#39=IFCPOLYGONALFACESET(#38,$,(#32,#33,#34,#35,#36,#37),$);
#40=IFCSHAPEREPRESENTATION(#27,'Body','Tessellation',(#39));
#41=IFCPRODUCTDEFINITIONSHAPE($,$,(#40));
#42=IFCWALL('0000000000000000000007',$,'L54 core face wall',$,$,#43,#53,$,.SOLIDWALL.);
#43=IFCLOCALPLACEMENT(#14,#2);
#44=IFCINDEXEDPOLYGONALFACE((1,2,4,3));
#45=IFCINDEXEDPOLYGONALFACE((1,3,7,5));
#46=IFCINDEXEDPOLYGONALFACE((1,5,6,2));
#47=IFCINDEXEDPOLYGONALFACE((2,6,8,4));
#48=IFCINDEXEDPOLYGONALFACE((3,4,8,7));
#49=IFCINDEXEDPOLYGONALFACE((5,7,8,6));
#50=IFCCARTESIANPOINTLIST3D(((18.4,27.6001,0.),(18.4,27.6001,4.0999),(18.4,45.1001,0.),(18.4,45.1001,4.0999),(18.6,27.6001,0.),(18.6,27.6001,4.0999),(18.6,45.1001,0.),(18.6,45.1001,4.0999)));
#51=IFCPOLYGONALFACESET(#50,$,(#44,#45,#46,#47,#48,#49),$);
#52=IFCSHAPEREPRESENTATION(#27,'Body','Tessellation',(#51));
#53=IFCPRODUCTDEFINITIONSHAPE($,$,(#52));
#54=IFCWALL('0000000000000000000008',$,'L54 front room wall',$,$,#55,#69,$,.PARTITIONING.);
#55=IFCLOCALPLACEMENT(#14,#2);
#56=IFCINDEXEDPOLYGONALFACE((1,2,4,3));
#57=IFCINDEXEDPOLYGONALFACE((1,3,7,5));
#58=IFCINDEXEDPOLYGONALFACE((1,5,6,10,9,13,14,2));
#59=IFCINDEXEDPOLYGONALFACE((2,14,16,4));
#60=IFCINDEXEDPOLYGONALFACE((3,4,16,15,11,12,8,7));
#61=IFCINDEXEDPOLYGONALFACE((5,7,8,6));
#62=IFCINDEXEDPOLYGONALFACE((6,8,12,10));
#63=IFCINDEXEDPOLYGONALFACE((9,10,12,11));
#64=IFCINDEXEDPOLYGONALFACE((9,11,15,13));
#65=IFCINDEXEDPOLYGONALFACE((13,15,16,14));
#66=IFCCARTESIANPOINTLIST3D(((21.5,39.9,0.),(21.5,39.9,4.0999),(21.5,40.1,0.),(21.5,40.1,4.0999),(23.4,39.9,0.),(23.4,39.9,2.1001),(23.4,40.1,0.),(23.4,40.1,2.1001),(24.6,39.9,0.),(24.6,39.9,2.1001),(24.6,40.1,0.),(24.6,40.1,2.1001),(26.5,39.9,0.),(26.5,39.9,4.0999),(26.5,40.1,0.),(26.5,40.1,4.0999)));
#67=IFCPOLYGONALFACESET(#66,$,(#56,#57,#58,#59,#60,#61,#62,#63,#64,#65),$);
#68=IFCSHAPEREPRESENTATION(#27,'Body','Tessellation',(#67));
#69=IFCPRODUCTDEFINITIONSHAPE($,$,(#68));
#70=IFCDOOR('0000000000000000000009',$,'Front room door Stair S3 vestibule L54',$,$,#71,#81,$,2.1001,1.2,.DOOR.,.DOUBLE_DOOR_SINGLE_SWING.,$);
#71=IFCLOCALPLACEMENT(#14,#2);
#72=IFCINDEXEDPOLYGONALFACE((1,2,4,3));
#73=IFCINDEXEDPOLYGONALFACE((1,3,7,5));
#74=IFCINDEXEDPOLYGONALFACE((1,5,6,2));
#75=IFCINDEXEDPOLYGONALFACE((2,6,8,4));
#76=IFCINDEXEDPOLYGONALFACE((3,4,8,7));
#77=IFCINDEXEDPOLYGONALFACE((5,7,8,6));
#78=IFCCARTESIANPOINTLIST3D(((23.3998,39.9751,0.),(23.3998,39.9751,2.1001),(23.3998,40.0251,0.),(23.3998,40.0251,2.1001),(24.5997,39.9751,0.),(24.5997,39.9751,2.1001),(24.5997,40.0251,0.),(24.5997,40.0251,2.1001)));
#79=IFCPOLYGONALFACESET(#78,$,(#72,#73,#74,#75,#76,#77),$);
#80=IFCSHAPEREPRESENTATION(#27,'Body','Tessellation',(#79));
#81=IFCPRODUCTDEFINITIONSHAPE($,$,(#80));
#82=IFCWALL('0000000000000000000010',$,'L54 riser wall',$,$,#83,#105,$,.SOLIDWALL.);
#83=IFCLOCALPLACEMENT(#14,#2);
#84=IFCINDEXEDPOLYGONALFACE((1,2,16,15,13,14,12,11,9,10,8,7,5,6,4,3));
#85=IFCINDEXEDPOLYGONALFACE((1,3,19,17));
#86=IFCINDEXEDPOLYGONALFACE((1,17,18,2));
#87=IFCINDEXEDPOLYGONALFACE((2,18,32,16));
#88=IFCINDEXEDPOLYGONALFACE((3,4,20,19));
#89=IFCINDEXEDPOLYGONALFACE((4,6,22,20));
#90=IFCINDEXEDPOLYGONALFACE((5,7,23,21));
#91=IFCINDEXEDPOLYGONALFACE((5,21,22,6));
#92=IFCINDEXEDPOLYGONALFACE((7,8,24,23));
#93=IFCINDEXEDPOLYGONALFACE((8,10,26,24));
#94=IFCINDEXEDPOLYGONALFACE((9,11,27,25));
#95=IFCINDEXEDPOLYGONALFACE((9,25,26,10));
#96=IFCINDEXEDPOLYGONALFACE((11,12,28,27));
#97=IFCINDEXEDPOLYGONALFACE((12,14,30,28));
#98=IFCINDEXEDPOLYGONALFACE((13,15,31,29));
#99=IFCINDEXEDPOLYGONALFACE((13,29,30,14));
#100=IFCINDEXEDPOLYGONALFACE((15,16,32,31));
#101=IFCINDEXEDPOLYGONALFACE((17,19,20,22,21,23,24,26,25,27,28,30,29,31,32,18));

────────────────

## To do:
Extract each record, keeping it identical to the original.

## Result:
#39=IFCPOLYGONALFACESET(#38,$,(#32,#33,#34,#35,#36,#37),$);
#40=IFCSHAPEREPRESENTATION(#27,'Body','Tessellation',(#39));
#41=IFCPRODUCTDEFINITIONSHAPE($,$,(#40));
#42=IFCWALL('0000000000000000000007',$,'L54 core face wall',$,$,#43,#53,$,.SOLIDWALL.);
#43=IFCLOCALPLACEMENT(#14,#2);
#44=IFCINDEXEDPOLYGONALFACE((1,2,4,3));
#45=IFCINDEXEDPOLYGONALFACE((1,3,7,5));
#46=IFCINDEXEDPOLYGONALFACE((1,5,6,2));
#47=IFCINDEXEDPOLYGONALFACE((2,6,8,4));
#48=IFCINDEXEDPOLYGONALFACE((3,4,8,7));
#49=IFCINDEXEDPOLYGONALFACE((5,7,8,6));
#50=IFCCARTESIANPOINTLIST3D(((18.4,27.6001,0.),(18.4,27.6001,4.0999),(18.4,45.1001,0.),(18.4,45.1001,4.0999),(18.6,27.6001,0.),(18.6,27.6001,4.0999),(18.6,45.1001,0.),(18.6,45.1001,4.0999)));
#51=IFCPOLYGONALFACESET(#50,$,(#44,#45,#46,#47,#48,#49),$);
#52=IFCSHAPEREPRESENTATION(#27,'Body','Tessellation',(#51));
#53=IFCPRODUCTDEFINITIONSHAPE($,$,(#52));
#54=IFCWALL('0000000000000000000008',$,'L54 front room wall',$,$,#55,#69,$,.PARTITIONING.);
#55=IFCLOCALPLACEMENT(#14,#2);
#56=IFCINDEXEDPOLYGONALFACE((1,2,4,3));
#57=IFCINDEXEDPOLYGONALFACE((1,3,7,5));
#58=IFCINDEXEDPOLYGONALFACE((1,5,6,10,9,13,14,2));
#59=IFCINDEXEDPOLYGONALFACE((2,14,16,4));
#60=IFCINDEXEDPOLYGONALFACE((3,4,16,15,11,12,8,7));
#61=IFCINDEXEDPOLYGONALFACE((5,7,8,6));
#62=IFCINDEXEDPOLYGONALFACE((6,8,12,10));
#63=IFCINDEXEDPOLYGONALFACE((9,10,12,11));
#64=IFCINDEXEDPOLYGONALFACE((9,11,15,13));
#65=IFCINDEXEDPOLYGONALFACE((13,15,16,14));
#66=IFCCARTESIANPOINTLIST3D(((21.5,39.9,0.),(21.5,39.9,4.0999),(21.5,40.1,0.),(21.5,40.1,4.0999),(23.4,39.9,0.),(23.4,39.9,2.1001),(23.4,40.1,0.),(23.4,40.1,2.1001),(24.6,39.9,0.),(24.6,39.9,2.1001),(24.6,40.1,0.),(24.6,40.1,2.1001),(26.5,39.9,0.),(26.5,39.9,4.0999),(26.5,40.1,0.),(26.5,40.1,4.0999)));
#67=IFCPOLYGONALFACESET(#66,$,(#56,#57,#58,#59,#60,#61,#62,#63,#64,#65),$);
#68=IFCSHAPEREPRESENTATION(#27,'Body','Tessellation',(#67));
#69=IFCPRODUCTDEFINITIONSHAPE($,$,(#68));
#70=IFCDOOR('0000000000000000000009',$,'Front room door Stair S3 vestibule L54',$,$,#71,#81,$,2.1001,1.2,.DOOR.,.DOUBLE_DOOR_SINGLE_SWING.,$);
#71=IFCLOCALPLACEMENT(#14,#2);
#72=IFCINDEXEDPOLYGONALFACE((1,2,4,3));
#73=IFCINDEXEDPOLYGONALFACE((1,3,7,5));
#74=IFCINDEXEDPOLYGONALFACE((1,5,6,2));
#75=IFCINDEXEDPOLYGONALFACE((2,6,8,4));
#76=IFCINDEXEDPOLYGONALFACE((3,4,8,7));
#77=IFCINDEXEDPOLYGONALFACE((5,7,8,6));
#78=IFCCARTESIANPOINTLIST3D(((23.3998,39.9751,0.),(23.3998,39.9751,2.1001),(23.3998,40.0251,0.),(23.3998,40.0251,2.1001),(24.5997,39.9751,0.),(24.5997,39.9751,2.1001),(24.5997,40.0251,0.),(24.5997,40.0251,2.1001)));
#79=IFCPOLYGONALFACESET(#78,$,(#72,#73,#74,#75,#76,#77),$);
#80=IFCSHAPEREPRESENTATION(#27,'Body','Tessellation',(#79));
#81=IFCPRODUCTDEFINITIONSHAPE($,$,(#80));
#82=IFCWALL('0000000000000000000010',$,'L54 riser wall',$,$,#83,#105,$,.SOLIDWALL.);
#83=IFCLOCALPLACEMENT(#14,#2);
#84=IFCINDEXEDPOLYGONALFACE((1,2,16,15,13,14,12,11,9,10,8,7,5,6,4,3));
#85=IFCINDEXEDPOLYGONALFACE((1,3,19,17));
#86=IFCINDEXEDPOLYGONALFACE((1,17,18,2));
#87=IFCINDEXEDPOLYGONALFACE((2,18,32,16));
#88=IFCINDEXEDPOLYGONALFACE((3,4,20,19));
#89=IFCINDEXEDPOLYGONALFACE((4,6,22,20));
#90=IFCINDEXEDPOLYGONALFACE((5,7,23,21));
#91=IFCINDEXEDPOLYGONALFACE((5,21,22,6));
#92=IFCINDEXEDPOLYGONALFACE((7,8,24,23));
#93=IFCINDEXEDPOLYGONALFACE((8,10,26,24));
#94=IFCINDEXEDPOLYGONALFACE((9,11,27,25));
#95=IFCINDEXEDPOLYGONALFACE((9,25,26,10));
#96=IFCINDEXEDPOLYGONALFACE((11,12,28,27));
#97=IFCINDEXEDPOLYGONALFACE((12,14,30,28));
#98=IFCINDEXEDPOLYGONALFACE((13,15,31,29));
#99=IFCINDEXEDPOLYGONALFACE((13,29,30,14));
#100=IFCINDEXEDPOLYGONALFACE((15,16,32,31));
#101=IFCINDEXEDPOLYGONALFACE((17,19,20,22,21,23,24,26,25,27,28,30,29,31,32,18));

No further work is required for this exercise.